Work task> The only thing to send back is the number of lines below that hold the string "libraries".

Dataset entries
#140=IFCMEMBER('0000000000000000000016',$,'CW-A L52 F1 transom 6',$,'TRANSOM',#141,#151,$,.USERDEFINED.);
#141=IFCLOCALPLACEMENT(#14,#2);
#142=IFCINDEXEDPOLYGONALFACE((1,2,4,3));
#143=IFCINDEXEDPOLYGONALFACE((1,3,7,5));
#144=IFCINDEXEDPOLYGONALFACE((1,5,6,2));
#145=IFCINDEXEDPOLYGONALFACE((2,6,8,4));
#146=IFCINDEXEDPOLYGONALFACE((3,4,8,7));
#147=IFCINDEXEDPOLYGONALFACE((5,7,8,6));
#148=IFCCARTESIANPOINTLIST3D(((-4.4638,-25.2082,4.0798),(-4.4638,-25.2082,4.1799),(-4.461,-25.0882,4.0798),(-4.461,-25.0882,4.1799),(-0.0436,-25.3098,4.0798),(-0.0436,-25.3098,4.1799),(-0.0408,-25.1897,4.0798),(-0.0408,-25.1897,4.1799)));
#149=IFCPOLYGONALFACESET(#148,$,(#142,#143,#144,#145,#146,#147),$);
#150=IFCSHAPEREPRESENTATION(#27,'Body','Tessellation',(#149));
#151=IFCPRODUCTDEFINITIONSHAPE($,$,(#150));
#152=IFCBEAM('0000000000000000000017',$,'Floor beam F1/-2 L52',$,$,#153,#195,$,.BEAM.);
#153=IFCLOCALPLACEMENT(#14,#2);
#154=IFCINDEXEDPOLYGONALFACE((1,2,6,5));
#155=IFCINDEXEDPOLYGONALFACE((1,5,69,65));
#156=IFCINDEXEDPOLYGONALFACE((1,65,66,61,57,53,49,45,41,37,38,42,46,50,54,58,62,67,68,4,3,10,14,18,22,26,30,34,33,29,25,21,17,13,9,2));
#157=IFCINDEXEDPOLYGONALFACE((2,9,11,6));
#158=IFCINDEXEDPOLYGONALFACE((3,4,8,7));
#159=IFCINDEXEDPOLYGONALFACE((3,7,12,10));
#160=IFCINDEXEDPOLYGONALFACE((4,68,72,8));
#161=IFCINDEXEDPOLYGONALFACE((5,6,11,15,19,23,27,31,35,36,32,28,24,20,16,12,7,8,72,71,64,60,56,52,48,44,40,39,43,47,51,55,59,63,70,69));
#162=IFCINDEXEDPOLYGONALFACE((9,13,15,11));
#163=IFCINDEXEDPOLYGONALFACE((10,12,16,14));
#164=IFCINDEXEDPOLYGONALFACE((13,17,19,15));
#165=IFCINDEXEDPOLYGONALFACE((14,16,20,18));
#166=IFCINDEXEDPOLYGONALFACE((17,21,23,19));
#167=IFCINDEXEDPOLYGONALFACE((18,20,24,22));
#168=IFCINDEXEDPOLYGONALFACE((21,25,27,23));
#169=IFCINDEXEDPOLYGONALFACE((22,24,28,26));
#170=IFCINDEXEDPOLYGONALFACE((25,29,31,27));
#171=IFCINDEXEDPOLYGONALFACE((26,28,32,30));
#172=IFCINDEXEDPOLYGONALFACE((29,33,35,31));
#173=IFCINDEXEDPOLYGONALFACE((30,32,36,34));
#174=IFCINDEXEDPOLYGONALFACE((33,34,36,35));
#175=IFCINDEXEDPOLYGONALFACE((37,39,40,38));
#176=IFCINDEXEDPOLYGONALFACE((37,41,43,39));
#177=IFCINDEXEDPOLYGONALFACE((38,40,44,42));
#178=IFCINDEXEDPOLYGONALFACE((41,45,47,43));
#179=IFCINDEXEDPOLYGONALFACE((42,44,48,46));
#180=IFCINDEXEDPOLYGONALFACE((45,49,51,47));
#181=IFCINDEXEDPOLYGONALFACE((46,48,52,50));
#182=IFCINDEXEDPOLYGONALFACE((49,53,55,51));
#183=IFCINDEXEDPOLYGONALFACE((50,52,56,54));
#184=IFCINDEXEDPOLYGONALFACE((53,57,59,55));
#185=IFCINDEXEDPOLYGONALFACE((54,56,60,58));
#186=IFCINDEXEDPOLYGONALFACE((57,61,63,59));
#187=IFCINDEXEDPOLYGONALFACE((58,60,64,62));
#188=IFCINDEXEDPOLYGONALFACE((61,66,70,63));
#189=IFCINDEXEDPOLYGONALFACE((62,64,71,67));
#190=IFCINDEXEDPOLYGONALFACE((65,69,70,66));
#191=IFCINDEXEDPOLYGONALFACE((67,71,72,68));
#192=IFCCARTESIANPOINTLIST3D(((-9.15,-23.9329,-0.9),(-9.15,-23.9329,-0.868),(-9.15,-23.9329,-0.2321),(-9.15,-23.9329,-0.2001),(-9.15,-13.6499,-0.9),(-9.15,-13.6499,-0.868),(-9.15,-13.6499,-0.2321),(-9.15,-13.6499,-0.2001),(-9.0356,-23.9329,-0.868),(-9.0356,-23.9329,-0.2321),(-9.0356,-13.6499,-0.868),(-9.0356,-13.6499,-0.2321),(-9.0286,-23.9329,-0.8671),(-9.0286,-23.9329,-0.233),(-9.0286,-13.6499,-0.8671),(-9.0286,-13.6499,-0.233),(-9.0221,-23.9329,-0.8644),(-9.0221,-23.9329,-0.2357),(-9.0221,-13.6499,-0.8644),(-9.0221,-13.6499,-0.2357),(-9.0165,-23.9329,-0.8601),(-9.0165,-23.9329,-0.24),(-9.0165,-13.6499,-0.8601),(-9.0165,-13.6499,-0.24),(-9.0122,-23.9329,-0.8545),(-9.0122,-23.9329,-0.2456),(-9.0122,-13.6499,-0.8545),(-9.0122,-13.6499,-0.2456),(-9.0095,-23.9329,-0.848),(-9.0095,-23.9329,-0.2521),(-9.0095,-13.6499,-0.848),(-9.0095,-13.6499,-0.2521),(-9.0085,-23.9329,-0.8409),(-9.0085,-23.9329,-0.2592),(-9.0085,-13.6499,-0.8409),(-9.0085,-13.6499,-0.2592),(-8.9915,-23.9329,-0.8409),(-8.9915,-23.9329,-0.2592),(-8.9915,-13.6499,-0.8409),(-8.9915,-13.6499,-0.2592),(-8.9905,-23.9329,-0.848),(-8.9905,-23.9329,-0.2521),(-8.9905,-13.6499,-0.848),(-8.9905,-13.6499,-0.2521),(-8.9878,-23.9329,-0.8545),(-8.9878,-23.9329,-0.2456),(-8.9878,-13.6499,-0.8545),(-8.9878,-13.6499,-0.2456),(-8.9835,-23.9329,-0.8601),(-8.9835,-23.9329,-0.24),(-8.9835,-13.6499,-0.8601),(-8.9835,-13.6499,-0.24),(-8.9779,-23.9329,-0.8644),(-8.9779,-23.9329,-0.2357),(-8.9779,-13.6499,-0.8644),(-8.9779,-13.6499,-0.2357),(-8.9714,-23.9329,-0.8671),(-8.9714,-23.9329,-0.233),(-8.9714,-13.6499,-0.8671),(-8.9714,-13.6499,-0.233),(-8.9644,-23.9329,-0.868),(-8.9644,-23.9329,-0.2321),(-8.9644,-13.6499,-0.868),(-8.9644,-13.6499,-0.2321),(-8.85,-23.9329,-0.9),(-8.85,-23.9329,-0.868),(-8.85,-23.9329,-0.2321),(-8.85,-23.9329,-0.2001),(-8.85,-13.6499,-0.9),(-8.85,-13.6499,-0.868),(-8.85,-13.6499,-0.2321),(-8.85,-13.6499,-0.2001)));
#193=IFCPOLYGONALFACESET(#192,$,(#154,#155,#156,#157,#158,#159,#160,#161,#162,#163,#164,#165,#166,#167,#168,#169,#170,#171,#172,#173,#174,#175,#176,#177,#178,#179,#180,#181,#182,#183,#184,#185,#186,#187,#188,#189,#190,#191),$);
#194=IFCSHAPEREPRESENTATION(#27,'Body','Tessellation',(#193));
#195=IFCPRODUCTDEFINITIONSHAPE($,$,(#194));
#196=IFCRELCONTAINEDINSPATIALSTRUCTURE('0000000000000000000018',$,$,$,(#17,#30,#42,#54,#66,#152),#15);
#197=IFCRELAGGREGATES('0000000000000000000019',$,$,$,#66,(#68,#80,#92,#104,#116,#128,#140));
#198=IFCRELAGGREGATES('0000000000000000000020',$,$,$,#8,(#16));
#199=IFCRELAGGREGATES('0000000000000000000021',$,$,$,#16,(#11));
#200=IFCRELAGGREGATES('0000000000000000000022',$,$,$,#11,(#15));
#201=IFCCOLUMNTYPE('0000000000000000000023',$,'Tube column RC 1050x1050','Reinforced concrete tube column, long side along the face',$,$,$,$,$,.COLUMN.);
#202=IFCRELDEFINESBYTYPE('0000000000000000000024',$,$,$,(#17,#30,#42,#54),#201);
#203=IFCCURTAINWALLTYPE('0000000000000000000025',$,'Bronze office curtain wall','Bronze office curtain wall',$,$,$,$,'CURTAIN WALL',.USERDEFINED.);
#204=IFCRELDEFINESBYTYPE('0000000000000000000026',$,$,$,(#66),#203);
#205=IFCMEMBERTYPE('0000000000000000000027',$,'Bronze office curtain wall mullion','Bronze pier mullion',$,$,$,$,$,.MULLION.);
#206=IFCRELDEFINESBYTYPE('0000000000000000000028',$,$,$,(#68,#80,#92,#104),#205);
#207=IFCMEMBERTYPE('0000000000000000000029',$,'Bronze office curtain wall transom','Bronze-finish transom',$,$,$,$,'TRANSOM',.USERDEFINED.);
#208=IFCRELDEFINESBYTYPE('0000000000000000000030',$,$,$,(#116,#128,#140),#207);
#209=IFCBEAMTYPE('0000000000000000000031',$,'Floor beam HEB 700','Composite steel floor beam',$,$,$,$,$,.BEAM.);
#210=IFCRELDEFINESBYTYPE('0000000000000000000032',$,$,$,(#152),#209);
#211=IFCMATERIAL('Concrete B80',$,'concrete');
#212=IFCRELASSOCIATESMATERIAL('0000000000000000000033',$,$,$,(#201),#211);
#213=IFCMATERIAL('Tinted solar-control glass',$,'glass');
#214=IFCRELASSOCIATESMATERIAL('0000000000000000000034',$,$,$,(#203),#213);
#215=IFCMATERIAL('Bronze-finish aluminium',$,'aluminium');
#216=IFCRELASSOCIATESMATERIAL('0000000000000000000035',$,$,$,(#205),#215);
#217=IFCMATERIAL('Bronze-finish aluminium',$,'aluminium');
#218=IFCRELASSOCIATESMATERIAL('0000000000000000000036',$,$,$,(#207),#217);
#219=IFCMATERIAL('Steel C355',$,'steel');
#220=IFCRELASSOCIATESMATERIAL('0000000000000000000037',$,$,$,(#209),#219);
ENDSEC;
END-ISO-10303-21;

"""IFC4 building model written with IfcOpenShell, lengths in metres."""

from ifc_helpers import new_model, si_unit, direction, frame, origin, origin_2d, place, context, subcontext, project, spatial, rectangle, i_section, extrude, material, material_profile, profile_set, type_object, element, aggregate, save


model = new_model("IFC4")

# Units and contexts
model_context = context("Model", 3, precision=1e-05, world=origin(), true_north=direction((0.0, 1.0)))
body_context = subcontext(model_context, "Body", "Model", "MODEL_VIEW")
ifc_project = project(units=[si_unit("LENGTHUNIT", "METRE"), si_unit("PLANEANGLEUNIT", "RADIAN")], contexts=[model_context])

==

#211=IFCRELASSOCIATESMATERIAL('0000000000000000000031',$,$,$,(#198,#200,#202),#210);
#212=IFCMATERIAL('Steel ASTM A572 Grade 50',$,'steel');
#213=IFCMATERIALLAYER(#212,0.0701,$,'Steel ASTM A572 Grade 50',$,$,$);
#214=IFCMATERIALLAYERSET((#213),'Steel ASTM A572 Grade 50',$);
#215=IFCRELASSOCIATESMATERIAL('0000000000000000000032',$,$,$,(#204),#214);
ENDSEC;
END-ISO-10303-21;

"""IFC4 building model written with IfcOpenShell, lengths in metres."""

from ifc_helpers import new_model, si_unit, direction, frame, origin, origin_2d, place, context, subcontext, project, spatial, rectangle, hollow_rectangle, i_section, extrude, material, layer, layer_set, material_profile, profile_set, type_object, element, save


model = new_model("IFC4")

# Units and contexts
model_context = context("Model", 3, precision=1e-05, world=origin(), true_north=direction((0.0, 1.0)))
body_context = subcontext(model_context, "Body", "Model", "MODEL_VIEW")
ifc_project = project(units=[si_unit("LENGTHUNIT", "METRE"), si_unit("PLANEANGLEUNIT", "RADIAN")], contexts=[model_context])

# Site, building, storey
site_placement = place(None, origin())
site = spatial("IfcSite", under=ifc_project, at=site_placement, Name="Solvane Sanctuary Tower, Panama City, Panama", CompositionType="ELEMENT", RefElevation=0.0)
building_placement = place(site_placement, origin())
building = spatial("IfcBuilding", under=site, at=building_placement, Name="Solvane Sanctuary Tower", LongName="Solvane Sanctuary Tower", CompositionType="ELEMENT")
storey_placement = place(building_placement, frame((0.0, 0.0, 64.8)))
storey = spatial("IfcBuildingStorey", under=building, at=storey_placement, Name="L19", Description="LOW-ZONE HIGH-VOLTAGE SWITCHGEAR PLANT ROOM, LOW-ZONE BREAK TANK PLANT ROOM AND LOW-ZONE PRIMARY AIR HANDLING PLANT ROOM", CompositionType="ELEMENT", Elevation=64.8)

--

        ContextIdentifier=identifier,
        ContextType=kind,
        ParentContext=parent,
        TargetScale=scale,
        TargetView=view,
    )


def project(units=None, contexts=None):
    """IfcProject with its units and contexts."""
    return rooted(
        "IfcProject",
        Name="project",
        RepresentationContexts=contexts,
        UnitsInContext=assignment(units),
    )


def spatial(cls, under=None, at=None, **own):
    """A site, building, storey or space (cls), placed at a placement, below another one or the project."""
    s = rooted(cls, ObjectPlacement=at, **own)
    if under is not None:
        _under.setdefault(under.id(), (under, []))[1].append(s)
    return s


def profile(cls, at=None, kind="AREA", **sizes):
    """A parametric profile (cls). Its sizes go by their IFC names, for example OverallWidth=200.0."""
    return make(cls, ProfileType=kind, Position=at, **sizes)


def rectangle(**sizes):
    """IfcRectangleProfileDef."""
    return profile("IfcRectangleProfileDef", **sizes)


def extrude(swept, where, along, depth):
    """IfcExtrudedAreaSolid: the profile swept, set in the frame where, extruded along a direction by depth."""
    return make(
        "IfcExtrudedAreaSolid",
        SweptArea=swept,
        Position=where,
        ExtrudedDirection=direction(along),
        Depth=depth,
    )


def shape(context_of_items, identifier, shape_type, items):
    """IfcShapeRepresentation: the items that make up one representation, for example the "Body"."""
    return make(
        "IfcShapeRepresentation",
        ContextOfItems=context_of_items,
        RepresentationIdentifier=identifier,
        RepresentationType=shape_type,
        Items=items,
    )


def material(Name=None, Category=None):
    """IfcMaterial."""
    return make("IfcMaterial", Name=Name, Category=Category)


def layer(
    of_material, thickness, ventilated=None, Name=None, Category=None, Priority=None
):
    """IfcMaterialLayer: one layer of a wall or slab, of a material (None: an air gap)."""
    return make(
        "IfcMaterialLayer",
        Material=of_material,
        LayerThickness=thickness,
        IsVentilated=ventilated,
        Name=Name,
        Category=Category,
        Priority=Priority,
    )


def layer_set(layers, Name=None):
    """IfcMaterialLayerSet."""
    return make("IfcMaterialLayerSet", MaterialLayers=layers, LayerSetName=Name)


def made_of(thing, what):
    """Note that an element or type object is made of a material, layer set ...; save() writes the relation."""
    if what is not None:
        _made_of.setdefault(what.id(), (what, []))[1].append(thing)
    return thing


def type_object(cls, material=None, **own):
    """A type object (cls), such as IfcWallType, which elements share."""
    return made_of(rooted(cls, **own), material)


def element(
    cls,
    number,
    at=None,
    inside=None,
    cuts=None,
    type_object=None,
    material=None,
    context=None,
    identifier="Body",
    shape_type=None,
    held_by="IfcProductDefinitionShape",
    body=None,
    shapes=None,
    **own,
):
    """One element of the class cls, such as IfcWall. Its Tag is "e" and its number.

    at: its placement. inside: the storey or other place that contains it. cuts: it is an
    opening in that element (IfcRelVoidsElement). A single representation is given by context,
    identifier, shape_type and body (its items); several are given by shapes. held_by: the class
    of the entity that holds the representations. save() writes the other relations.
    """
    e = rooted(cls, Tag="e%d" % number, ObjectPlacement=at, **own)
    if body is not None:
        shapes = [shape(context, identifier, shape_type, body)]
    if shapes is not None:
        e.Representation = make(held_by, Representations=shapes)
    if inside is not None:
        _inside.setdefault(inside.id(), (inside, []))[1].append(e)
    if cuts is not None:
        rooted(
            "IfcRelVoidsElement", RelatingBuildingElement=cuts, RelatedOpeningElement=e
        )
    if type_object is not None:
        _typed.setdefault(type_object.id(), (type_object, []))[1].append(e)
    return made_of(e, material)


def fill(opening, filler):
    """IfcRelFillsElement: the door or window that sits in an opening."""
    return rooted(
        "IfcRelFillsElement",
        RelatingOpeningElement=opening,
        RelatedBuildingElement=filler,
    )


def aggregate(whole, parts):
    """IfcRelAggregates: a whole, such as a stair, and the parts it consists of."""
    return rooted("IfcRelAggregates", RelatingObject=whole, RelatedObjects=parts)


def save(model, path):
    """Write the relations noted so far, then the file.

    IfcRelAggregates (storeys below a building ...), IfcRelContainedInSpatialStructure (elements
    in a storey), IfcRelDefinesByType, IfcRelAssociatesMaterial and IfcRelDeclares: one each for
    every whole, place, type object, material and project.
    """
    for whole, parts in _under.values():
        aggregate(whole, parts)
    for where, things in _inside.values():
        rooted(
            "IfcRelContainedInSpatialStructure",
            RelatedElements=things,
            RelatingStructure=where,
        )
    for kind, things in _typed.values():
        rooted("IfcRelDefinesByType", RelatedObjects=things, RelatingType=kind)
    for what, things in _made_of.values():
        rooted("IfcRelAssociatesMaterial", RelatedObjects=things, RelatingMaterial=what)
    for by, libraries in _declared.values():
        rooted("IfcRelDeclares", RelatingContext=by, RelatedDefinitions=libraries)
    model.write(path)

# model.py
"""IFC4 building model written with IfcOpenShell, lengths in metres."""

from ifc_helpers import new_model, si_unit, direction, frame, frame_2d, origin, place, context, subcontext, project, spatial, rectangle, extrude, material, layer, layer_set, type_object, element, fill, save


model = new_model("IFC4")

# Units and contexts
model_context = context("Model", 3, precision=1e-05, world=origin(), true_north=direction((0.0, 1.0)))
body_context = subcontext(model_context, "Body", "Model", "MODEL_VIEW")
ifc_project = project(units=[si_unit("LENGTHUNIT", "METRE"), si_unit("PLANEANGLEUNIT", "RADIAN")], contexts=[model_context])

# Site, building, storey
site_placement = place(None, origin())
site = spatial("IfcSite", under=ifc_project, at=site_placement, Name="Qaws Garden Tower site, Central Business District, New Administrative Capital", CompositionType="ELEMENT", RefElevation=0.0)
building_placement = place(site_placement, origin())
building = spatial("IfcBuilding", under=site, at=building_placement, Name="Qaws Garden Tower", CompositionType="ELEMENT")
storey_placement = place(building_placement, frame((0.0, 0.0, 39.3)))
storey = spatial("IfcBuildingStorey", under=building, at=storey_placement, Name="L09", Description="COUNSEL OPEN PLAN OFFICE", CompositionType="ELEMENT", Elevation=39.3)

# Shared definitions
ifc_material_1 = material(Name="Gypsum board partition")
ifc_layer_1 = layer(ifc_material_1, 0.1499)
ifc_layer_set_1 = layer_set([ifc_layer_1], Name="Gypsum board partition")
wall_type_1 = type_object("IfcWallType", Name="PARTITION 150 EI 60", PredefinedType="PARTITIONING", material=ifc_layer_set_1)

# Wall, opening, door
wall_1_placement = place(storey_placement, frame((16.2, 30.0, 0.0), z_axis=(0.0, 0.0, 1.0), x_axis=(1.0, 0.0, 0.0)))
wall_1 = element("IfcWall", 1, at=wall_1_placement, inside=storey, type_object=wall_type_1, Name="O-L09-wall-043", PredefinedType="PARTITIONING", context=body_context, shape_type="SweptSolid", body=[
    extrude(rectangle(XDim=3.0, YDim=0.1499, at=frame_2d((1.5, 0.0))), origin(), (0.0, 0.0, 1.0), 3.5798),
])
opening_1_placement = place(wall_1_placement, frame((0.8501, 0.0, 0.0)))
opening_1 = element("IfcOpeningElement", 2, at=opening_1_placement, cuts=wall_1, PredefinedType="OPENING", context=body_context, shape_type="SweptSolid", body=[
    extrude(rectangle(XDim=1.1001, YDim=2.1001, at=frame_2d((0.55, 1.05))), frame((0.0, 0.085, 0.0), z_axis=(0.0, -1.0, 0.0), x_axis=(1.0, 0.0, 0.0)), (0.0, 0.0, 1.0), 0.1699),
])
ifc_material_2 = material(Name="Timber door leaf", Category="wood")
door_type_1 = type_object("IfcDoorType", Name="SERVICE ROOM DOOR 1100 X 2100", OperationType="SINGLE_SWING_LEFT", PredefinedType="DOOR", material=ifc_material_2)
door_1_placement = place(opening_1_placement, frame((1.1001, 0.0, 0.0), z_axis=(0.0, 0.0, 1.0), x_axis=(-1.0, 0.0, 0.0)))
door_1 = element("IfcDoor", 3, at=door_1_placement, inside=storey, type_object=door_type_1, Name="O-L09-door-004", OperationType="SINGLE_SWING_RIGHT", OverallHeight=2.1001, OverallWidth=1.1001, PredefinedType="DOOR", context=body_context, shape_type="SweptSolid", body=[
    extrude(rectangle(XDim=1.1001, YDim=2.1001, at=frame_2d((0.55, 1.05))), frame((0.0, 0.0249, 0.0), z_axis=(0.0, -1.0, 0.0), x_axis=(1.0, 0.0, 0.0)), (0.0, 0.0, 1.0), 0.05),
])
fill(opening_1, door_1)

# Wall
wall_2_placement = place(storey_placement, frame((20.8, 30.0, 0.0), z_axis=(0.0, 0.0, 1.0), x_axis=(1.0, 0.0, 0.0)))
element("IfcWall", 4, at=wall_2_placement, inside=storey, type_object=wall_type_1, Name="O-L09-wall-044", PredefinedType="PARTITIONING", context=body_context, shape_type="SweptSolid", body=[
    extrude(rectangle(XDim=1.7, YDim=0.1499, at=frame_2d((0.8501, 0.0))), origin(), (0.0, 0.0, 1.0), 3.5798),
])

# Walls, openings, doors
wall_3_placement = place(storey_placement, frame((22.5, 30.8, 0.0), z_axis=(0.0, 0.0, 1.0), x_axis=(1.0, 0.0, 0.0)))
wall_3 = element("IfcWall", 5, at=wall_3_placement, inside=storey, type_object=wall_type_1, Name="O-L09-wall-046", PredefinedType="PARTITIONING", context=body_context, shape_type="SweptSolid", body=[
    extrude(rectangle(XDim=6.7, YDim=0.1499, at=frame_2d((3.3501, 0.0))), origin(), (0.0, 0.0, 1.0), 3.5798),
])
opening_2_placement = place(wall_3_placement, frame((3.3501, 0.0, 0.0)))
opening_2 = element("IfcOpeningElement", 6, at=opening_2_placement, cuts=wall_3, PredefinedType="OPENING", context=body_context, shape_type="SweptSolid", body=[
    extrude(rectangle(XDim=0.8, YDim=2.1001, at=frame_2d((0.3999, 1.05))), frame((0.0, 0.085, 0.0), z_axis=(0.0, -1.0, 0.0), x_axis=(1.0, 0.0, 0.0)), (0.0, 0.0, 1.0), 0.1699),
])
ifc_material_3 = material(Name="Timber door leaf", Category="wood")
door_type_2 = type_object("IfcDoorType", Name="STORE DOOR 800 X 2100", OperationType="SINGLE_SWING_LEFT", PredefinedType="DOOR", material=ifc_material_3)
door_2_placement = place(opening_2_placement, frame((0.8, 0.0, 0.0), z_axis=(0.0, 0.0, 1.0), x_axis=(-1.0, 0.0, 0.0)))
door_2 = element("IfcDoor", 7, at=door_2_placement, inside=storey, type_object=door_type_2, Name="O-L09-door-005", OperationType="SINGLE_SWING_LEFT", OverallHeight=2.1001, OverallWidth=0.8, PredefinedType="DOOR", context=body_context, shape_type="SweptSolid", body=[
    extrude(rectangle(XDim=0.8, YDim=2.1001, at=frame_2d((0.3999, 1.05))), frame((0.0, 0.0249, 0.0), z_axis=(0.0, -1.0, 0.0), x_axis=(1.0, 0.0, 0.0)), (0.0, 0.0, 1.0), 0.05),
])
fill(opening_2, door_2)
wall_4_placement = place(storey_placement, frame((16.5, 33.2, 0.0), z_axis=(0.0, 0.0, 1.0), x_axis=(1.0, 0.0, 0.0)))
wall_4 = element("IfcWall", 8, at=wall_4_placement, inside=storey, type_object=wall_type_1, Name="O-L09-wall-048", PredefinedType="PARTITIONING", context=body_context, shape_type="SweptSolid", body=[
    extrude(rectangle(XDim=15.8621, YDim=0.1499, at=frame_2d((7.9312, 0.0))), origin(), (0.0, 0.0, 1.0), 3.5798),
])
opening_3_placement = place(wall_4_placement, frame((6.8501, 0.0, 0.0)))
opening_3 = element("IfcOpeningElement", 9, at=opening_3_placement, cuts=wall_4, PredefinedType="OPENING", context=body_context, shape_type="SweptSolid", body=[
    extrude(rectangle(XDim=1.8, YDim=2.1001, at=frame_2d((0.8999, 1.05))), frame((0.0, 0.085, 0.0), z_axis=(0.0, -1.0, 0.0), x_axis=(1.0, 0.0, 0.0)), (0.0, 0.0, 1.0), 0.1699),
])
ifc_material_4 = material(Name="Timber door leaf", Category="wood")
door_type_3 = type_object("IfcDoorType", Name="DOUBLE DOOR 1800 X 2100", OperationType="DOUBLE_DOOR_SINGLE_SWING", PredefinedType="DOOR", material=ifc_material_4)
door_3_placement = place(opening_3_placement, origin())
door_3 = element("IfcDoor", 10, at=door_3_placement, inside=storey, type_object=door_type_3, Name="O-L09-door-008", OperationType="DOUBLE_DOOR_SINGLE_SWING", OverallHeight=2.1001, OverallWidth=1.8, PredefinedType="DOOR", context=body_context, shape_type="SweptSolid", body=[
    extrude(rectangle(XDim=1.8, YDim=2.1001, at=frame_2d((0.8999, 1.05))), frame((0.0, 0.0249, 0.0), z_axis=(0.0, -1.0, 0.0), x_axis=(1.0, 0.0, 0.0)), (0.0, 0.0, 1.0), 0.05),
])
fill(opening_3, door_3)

Response box> 2